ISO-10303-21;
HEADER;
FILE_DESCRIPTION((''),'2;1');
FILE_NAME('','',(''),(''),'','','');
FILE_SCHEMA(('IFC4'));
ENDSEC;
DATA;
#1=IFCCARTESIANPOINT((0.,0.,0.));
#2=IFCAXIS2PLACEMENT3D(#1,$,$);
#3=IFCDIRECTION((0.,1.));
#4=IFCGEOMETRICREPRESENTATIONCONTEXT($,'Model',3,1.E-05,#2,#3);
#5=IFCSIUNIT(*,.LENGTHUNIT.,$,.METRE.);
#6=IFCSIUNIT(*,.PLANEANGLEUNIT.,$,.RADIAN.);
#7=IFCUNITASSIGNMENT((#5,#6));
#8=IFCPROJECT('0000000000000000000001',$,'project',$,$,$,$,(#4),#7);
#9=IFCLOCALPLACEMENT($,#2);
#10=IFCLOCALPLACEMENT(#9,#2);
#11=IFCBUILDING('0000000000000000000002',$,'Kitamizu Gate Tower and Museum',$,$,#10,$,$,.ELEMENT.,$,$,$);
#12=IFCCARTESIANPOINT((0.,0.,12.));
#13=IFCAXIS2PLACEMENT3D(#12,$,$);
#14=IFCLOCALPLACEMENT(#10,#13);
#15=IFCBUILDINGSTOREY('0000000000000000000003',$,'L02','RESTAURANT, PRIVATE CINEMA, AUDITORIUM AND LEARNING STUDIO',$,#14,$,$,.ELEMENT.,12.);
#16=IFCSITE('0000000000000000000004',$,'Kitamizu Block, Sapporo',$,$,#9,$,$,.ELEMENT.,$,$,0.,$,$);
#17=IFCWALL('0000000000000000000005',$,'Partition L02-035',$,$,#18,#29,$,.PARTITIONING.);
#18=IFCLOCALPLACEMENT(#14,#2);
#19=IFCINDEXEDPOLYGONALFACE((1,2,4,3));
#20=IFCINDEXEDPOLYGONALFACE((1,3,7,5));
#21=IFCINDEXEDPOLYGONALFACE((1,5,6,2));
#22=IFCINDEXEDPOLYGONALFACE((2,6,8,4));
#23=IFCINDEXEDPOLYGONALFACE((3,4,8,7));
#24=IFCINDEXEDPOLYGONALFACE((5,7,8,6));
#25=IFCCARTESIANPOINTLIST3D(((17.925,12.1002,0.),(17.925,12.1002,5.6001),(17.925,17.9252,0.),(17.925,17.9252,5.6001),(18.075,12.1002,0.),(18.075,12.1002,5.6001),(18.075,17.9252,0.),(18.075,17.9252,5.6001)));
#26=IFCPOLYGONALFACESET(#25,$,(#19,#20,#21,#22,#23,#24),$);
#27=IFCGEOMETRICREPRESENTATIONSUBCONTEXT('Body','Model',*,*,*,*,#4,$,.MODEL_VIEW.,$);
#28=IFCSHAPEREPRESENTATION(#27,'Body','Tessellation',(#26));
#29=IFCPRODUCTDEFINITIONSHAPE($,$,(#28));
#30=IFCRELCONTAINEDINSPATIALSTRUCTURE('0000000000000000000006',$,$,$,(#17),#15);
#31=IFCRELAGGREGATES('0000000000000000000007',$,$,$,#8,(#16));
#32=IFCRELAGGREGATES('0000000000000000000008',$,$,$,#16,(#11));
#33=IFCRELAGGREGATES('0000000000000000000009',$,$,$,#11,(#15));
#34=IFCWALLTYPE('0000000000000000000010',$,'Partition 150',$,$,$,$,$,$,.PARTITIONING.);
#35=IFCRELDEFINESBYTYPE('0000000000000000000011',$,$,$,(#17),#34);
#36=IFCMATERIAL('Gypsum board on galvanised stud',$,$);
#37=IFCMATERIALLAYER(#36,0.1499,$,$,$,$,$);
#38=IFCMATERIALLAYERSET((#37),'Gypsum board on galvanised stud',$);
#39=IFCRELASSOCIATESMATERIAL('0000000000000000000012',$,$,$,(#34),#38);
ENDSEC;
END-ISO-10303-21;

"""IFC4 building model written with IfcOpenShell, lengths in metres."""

from ifc_helpers import new_model, si_unit, direction, frame, frame_2d, origin, place, context, subcontext, project, spatial, rectangle, extrude, material, layer, layer_set, type_object, element, save


model = new_model("IFC4")

# Units and contexts
model_context = context("Model", 3, precision=1e-05, world=origin(), true_north=direction((0.0, 1.0)))
body_context = subcontext(model_context, "Body", "Model", "MODEL_VIEW")
ifc_project = project(units=[si_unit("LENGTHUNIT", "METRE"), si_unit("PLANEANGLEUNIT", "RADIAN")], contexts=[model_context])

# Site, building, storey
site_placement = place(None, origin())
site = spatial("IfcSite", under=ifc_project, at=site_placement, Name="Kitamizu Block, Sapporo", CompositionType="ELEMENT", RefElevation=0.0)
building_placement = place(site_placement, origin())
building = spatial("IfcBuilding", under=site, at=building_placement, Name="Kitamizu Gate Tower and Museum", CompositionType="ELEMENT")
storey_placement = place(building_placement, frame((0.0, 0.0, 12.0)))
storey = spatial("IfcBuildingStorey", under=building, at=storey_placement, Name="L02", Description="RESTAURANT, PRIVATE CINEMA, AUDITORIUM AND LEARNING STUDIO", CompositionType="ELEMENT", Elevation=12.0)

# Wall
ifc_material_1 = material(Name="Gypsum board on galvanised stud")
ifc_layer_1 = layer(ifc_material_1, 0.1499)
ifc_layer_set_1 = layer_set([ifc_layer_1], Name="Gypsum board on galvanised stud")
wall_type = type_object("IfcWallType", Name="Partition 150", PredefinedType="PARTITIONING", material=ifc_layer_set_1)
wall_1_placement = place(storey_placement, frame((18.0, 12.1001, 0.0), z_axis=(0.0, 0.0, 1.0), x_axis=(0.0, 1.0, 0.0)))
element("IfcWall", 1, at=wall_1_placement, inside=storey, type_object=wall_type, Name="Partition L02-035", PredefinedType="PARTITIONING", context=body_context, shape_type="SweptSolid", body=[
    extrude(rectangle(XDim=5.825, YDim=0.1499, at=frame_2d((2.9126, 0.0))), origin(), (0.0, 0.0, 1.0), 5.6001),
])

save(model, "model.ifc")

• • • •

# [What you have to do]
Using the records above, set down exactly the lines from the one with "#5=IFCSIUNIT(*,.LENGTHUNIT.,$,.METRE.);" through the one with "#24=IFCINDEXEDPOLYGONALFACE((5,7,8,6));", inclusive, and nothing more.

# [Task solution]
#5=IFCSIUNIT(*,.LENGTHUNIT.,$,.METRE.);
#6=IFCSIUNIT(*,.PLANEANGLEUNIT.,$,.RADIAN.);
#7=IFCUNITASSIGNMENT((#5,#6));
#8=IFCPROJECT('0000000000000000000001',$,'project',$,$,$,$,(#4),#7);
#9=IFCLOCALPLACEMENT($,#2);
#10=IFCLOCALPLACEMENT(#9,#2);
#11=IFCBUILDING('0000000000000000000002',$,'Kitamizu Gate Tower and Museum',$,$,#10,$,$,.ELEMENT.,$,$,$);
#12=IFCCARTESIANPOINT((0.,0.,12.));
#13=IFCAXIS2PLACEMENT3D(#12,$,$);
#14=IFCLOCALPLACEMENT(#10,#13);
#15=IFCBUILDINGSTOREY('0000000000000000000003',$,'L02','RESTAURANT, PRIVATE CINEMA, AUDITORIUM AND LEARNING STUDIO',$,#14,$,$,.ELEMENT.,12.);
#16=IFCSITE('0000000000000000000004',$,'Kitamizu Block, Sapporo',$,$,#9,$,$,.ELEMENT.,$,$,0.,$,$);
#17=IFCWALL('0000000000000000000005',$,'Partition L02-035',$,$,#18,#29,$,.PARTITIONING.);
#18=IFCLOCALPLACEMENT(#14,#2);
#19=IFCINDEXEDPOLYGONALFACE((1,2,4,3));
#20=IFCINDEXEDPOLYGONALFACE((1,3,7,5));
#21=IFCINDEXEDPOLYGONALFACE((1,5,6,2));
#22=IFCINDEXEDPOLYGONALFACE((2,6,8,4));
#23=IFCINDEXEDPOLYGONALFACE((3,4,8,7));
#24=IFCINDEXEDPOLYGONALFACE((5,7,8,6));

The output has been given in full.